**Your instructions**
Reproduce the listing below exactly, from its first line down to and including the line with "#96=IFCINDEXEDPOLYGONALFACE((27,31,32,28));".

---

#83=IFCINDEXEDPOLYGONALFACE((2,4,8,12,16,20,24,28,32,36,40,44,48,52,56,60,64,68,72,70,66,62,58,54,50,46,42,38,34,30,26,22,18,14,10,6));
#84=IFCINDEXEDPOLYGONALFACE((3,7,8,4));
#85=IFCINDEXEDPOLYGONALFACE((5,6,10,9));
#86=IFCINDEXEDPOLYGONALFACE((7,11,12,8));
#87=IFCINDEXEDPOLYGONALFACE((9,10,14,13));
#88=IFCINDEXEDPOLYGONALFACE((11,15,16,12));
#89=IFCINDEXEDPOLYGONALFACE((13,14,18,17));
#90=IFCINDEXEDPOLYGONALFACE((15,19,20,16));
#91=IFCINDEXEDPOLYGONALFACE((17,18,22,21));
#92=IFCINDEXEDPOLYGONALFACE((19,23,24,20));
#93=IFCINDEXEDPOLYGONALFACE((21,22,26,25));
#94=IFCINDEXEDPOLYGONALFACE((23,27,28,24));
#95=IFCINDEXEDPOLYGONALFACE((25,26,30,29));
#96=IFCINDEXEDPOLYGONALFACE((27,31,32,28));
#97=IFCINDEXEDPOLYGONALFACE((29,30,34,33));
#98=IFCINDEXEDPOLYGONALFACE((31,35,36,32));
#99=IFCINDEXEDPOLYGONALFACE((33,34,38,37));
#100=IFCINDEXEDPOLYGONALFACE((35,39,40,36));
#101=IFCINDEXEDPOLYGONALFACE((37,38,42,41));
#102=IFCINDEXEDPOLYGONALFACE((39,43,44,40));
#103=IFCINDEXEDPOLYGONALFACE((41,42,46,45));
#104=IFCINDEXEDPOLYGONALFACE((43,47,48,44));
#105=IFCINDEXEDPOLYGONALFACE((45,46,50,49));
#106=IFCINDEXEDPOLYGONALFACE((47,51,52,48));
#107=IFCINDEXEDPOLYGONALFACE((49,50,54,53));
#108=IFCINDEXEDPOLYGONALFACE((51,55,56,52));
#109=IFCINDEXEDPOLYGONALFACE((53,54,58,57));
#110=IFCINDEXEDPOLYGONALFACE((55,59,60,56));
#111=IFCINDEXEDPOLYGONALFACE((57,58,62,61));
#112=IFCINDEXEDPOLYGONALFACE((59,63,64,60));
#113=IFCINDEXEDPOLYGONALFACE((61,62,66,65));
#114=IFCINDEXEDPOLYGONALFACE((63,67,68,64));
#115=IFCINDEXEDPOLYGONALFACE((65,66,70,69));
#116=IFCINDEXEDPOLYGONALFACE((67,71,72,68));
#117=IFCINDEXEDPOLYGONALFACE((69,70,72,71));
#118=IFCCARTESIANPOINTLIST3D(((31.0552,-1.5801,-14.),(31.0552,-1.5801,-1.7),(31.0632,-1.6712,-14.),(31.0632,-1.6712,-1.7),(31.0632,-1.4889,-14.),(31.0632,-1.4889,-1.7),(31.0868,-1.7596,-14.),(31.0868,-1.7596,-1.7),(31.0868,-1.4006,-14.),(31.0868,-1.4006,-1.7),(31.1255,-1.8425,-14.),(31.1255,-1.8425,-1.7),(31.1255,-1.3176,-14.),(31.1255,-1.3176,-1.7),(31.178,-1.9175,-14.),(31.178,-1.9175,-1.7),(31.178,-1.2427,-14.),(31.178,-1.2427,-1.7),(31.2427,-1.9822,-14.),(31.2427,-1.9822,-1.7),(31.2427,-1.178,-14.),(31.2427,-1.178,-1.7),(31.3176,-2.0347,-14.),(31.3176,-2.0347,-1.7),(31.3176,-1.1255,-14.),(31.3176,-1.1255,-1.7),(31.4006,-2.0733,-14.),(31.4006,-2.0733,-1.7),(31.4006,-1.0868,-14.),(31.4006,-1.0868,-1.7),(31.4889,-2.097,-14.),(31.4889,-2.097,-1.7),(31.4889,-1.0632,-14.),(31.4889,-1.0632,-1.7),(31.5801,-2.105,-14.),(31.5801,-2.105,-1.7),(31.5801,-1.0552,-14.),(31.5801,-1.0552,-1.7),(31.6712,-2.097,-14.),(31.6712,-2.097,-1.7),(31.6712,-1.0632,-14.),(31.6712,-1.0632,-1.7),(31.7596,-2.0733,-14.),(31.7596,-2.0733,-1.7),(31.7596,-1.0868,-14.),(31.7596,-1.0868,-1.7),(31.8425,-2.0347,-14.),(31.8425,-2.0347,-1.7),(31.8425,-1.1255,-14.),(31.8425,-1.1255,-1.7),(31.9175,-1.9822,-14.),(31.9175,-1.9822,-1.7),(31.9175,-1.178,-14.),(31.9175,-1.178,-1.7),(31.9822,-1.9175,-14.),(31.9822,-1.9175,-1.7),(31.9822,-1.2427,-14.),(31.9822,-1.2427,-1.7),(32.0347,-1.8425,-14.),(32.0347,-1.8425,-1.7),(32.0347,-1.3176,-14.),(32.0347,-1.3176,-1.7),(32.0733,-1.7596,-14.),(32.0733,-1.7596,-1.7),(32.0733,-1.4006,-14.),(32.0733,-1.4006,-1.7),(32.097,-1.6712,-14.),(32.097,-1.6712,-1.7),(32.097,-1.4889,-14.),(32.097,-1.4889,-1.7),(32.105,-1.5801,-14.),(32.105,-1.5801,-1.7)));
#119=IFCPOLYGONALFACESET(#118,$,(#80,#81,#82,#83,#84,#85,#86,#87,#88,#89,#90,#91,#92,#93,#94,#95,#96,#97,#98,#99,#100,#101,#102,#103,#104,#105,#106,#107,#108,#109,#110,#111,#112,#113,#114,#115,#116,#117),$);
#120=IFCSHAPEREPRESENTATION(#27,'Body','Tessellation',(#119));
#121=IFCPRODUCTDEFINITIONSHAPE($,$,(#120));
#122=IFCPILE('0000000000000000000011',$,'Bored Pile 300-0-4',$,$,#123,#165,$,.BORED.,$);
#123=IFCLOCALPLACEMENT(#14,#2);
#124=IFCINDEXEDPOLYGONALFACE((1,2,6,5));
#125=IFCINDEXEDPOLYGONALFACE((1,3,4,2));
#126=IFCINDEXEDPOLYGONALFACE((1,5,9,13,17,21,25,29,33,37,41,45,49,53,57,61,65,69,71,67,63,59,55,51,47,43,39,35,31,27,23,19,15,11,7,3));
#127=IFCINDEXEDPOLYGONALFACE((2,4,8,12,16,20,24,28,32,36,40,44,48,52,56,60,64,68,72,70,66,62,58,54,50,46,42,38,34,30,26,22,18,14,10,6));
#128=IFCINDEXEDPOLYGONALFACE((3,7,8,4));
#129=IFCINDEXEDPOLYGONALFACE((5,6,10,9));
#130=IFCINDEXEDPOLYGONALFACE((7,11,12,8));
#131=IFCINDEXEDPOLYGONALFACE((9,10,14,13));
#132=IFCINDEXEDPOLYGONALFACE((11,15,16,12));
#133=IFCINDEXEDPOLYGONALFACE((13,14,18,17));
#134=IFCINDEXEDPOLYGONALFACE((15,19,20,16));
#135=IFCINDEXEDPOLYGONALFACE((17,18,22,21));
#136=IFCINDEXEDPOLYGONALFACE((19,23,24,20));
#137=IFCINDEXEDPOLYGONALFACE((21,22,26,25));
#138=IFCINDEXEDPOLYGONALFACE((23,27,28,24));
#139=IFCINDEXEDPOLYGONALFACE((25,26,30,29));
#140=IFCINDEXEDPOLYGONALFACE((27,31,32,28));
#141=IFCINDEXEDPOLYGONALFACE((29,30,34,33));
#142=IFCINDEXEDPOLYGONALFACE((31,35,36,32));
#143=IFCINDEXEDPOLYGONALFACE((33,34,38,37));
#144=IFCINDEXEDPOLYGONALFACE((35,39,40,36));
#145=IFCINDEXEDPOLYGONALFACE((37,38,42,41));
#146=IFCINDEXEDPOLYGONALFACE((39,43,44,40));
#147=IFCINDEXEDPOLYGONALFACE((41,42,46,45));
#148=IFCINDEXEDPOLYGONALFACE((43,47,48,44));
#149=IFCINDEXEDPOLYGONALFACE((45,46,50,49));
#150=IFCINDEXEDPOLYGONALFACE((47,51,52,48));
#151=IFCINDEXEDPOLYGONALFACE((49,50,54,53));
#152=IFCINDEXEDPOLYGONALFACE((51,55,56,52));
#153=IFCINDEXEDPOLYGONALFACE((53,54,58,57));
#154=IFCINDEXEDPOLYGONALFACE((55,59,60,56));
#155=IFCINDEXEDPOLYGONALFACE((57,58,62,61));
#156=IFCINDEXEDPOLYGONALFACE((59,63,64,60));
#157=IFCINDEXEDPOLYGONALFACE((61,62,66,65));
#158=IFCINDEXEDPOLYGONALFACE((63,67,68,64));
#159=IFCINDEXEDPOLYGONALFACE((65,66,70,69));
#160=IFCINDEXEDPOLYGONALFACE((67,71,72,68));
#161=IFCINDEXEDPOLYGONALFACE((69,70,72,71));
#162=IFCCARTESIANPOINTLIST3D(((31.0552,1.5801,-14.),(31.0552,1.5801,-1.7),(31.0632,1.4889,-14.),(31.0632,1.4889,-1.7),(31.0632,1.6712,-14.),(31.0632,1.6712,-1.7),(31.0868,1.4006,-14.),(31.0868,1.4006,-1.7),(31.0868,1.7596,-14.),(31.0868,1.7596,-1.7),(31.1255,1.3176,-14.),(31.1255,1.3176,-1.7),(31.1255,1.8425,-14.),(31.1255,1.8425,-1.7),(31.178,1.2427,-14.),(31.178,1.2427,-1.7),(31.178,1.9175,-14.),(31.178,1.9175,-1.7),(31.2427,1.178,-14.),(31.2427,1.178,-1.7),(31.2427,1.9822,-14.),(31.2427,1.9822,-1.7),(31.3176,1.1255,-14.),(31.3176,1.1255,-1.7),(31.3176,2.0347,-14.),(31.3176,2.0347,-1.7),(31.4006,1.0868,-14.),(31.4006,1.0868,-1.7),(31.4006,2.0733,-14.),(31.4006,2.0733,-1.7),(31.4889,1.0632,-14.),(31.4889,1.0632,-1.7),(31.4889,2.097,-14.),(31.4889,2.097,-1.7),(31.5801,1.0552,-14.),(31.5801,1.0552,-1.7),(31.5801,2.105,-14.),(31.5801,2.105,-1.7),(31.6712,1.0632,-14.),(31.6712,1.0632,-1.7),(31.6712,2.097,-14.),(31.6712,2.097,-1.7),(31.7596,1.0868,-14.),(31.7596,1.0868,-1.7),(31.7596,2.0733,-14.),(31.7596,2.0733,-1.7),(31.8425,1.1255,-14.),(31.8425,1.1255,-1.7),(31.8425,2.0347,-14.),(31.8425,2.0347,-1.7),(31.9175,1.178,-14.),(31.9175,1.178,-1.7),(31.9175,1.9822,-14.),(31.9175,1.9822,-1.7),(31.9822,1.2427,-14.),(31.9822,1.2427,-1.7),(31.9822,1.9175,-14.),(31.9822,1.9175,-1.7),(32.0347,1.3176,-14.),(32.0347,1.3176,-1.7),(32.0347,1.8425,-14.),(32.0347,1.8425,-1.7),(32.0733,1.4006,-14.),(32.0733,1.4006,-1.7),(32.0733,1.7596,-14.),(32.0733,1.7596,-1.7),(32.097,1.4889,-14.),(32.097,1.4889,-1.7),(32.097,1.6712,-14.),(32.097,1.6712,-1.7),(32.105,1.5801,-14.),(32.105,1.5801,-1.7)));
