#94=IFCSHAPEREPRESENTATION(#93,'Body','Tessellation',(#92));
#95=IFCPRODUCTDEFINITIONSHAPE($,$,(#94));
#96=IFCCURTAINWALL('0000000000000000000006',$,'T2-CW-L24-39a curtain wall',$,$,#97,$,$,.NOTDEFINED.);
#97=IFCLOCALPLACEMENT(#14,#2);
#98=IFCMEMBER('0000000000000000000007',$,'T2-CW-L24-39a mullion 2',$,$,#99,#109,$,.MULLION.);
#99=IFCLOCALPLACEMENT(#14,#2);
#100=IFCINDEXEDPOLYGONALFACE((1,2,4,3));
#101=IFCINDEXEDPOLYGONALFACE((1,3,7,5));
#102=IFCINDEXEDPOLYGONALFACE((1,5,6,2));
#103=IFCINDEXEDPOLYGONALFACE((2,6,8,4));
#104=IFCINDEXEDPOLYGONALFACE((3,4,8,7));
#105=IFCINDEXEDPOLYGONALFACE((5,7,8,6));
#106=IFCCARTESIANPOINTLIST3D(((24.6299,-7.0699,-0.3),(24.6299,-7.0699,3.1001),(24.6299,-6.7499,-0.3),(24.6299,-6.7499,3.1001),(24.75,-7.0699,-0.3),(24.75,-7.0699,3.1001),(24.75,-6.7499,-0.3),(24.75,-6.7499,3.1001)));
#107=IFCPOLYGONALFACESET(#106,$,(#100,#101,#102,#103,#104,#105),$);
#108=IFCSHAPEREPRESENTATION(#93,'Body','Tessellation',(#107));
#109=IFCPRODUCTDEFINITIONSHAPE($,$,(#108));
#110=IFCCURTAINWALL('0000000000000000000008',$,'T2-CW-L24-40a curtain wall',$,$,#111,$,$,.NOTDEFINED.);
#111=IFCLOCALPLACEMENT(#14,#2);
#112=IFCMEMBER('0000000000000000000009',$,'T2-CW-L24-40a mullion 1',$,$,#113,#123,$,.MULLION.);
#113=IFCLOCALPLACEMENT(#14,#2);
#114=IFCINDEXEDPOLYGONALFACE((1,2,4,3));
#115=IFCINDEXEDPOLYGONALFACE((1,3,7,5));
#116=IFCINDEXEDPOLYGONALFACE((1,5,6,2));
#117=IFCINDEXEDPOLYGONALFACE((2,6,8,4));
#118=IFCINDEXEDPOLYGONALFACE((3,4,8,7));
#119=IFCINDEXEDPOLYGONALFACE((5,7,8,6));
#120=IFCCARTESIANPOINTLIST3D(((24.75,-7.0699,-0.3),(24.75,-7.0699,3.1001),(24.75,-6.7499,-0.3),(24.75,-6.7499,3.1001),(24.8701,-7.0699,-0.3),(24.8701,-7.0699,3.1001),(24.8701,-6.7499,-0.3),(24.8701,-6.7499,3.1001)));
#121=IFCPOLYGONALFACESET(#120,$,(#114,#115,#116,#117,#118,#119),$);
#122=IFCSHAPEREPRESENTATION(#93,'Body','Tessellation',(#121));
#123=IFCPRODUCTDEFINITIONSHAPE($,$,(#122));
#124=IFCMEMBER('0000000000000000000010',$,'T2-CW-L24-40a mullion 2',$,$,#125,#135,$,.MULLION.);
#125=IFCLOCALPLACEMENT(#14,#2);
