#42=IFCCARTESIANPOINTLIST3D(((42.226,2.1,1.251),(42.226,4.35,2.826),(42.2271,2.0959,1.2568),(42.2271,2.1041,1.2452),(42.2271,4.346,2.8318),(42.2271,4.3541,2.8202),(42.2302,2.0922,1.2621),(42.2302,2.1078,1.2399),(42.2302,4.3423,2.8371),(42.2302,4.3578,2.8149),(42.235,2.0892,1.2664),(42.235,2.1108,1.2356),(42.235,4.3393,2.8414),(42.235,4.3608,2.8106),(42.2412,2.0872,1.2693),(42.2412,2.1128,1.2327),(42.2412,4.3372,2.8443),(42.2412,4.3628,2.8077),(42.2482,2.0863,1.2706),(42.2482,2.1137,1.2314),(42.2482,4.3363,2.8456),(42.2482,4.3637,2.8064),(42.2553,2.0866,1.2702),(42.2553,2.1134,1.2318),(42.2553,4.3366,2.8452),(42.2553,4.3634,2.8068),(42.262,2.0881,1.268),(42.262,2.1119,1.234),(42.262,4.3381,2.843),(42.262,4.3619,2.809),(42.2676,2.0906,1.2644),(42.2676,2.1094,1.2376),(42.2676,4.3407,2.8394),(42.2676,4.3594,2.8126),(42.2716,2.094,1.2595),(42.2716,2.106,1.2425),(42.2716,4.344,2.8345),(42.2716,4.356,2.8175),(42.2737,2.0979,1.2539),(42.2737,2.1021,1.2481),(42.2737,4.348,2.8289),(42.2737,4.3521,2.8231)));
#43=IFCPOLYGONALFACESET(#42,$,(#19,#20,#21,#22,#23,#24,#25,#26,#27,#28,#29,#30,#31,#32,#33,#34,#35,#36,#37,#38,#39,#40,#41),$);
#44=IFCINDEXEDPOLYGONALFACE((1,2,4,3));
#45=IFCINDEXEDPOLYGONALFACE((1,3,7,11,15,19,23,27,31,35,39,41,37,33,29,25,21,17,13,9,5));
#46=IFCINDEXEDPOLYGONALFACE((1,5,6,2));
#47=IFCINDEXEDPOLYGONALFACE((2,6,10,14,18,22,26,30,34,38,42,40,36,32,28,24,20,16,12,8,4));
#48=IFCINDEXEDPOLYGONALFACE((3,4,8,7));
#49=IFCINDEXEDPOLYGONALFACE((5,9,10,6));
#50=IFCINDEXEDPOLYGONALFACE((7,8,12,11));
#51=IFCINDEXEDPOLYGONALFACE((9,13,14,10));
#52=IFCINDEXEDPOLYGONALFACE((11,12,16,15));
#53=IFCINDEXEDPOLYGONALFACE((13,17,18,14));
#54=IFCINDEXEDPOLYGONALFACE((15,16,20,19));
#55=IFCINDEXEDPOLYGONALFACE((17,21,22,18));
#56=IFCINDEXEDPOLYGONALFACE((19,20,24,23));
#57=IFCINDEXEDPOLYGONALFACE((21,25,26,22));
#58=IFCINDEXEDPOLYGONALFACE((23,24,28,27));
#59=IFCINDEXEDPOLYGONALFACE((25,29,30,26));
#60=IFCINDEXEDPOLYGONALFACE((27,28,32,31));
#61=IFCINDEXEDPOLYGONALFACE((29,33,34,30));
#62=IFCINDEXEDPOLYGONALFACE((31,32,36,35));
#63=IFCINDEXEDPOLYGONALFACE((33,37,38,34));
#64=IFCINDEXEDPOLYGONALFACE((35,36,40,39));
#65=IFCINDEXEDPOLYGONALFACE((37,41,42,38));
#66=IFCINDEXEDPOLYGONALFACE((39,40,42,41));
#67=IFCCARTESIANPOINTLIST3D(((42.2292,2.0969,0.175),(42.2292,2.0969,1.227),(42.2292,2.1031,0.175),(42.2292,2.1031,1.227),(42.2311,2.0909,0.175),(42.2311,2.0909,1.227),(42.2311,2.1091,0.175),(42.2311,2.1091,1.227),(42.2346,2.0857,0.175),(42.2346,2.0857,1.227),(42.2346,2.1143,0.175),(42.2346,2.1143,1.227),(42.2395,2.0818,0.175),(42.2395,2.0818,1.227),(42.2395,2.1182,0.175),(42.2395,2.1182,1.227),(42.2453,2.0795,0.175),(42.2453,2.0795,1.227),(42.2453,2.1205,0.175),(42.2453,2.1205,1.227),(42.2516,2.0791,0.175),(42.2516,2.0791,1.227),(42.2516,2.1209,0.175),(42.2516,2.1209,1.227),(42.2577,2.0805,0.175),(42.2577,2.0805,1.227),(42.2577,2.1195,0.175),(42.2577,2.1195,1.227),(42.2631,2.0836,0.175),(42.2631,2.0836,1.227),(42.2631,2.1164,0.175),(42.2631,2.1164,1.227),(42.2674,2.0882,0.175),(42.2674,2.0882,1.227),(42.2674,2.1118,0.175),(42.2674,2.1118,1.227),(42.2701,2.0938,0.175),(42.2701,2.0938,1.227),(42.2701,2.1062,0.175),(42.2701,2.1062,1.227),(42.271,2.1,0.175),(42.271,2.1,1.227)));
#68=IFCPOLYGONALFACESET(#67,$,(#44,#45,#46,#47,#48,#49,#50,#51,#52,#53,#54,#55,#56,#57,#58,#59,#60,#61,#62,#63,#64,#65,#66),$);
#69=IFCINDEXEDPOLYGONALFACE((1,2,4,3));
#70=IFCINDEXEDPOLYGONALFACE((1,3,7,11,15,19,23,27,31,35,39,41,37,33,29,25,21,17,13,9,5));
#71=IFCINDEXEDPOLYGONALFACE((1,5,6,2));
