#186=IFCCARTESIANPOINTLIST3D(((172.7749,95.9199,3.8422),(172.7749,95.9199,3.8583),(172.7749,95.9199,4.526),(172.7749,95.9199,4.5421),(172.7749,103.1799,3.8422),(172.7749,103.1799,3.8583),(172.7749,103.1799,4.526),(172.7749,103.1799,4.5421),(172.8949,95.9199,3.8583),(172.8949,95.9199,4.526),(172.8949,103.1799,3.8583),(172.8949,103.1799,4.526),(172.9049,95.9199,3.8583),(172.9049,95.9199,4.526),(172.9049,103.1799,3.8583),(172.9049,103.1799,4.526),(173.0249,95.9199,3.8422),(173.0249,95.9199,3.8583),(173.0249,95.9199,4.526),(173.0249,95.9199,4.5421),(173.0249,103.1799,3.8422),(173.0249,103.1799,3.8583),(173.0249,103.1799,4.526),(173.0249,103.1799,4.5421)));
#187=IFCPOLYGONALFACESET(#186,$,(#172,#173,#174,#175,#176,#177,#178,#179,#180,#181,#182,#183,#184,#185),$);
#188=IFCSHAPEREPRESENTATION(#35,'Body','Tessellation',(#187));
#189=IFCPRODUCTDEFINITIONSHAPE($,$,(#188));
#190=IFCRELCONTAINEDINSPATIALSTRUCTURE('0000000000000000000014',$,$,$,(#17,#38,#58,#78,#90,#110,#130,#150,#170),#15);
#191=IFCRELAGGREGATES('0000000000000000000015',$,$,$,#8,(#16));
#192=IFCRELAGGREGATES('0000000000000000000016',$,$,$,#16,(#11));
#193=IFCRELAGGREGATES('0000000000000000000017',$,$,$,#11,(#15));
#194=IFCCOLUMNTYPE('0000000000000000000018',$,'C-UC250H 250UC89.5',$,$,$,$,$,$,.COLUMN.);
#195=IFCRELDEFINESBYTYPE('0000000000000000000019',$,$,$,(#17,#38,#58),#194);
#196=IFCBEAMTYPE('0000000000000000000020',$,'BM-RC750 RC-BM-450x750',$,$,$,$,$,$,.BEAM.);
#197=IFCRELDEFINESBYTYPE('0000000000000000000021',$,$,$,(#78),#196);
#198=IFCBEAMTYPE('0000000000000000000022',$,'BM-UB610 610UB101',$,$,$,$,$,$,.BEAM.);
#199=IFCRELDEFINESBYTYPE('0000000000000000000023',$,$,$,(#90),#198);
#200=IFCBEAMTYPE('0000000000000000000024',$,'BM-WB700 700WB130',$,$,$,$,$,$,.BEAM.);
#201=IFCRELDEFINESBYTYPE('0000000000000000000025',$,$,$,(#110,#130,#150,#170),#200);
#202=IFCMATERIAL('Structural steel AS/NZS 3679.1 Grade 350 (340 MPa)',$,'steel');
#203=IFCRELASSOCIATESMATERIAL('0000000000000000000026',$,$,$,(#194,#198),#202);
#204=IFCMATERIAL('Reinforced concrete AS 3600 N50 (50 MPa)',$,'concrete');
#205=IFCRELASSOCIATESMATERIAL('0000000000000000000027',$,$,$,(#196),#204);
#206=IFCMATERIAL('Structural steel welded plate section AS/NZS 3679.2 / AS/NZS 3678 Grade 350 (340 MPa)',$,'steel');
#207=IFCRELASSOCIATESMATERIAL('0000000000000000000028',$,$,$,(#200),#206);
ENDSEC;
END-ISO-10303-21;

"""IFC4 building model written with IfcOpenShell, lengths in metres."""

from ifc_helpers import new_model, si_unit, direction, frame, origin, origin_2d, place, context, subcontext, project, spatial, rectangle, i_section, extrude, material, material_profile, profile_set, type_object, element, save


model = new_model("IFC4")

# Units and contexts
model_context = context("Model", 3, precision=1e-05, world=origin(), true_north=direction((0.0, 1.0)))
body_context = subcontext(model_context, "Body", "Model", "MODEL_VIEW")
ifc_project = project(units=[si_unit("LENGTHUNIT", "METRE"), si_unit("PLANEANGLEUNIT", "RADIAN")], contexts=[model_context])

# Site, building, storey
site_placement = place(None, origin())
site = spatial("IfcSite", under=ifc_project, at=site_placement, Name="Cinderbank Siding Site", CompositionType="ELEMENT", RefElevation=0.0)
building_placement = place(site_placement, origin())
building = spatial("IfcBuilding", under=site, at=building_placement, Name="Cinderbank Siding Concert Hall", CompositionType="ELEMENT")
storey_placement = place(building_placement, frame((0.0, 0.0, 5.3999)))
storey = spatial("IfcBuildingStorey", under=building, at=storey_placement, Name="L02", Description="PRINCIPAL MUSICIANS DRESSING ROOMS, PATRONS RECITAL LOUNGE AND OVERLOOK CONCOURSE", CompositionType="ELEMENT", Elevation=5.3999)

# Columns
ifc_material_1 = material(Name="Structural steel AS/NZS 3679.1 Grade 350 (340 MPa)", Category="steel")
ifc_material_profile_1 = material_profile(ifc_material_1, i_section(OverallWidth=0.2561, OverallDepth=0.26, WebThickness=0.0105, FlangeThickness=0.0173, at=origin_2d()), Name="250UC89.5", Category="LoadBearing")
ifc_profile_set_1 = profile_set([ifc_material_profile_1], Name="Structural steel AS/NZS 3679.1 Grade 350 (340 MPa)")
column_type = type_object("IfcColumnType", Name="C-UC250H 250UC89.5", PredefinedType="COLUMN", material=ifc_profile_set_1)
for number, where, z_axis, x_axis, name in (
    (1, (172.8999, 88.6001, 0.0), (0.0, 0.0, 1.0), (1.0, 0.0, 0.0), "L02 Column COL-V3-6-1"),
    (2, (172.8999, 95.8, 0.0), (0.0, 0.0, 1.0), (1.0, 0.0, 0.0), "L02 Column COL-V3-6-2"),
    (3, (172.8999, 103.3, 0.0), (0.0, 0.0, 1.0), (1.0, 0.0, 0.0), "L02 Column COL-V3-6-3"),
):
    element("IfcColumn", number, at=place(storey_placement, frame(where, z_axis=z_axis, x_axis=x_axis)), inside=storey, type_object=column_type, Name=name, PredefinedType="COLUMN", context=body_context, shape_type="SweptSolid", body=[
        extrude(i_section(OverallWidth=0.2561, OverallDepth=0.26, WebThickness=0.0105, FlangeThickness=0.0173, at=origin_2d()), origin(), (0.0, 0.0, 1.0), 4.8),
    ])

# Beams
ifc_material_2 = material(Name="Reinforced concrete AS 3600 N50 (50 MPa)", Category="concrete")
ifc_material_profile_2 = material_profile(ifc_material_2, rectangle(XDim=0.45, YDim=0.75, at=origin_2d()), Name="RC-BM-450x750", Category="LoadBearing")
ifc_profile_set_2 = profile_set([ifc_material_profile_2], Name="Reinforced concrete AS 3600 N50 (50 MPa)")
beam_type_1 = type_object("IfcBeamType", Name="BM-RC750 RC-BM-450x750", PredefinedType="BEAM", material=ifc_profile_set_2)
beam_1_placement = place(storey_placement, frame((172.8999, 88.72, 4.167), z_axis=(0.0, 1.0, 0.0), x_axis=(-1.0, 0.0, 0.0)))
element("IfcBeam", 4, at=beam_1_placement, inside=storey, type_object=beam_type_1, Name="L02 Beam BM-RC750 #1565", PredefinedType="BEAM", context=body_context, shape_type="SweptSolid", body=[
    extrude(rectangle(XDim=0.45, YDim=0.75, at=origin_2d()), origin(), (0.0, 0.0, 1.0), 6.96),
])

---

**Worked solution**
#83=IFCINDEXEDPOLYGONALFACE((2,4,8,12,16,20,24,28,32,36,40,44,48,52,56,60,64,68,72,70,66,62,58,54,50,46,42,38,34,30,26,22,18,14,10,6));
#84=IFCINDEXEDPOLYGONALFACE((3,7,8,4));
#85=IFCINDEXEDPOLYGONALFACE((5,6,10,9));
#86=IFCINDEXEDPOLYGONALFACE((7,11,12,8));
#87=IFCINDEXEDPOLYGONALFACE((9,10,14,13));
#88=IFCINDEXEDPOLYGONALFACE((11,15,16,12));
#89=IFCINDEXEDPOLYGONALFACE((13,14,18,17));
#90=IFCINDEXEDPOLYGONALFACE((15,19,20,16));
#91=IFCINDEXEDPOLYGONALFACE((17,18,22,21));
#92=IFCINDEXEDPOLYGONALFACE((19,23,24,20));
#93=IFCINDEXEDPOLYGONALFACE((21,22,26,25));
#94=IFCINDEXEDPOLYGONALFACE((23,27,28,24));
#95=IFCINDEXEDPOLYGONALFACE((25,26,30,29));
#96=IFCINDEXEDPOLYGONALFACE((27,31,32,28));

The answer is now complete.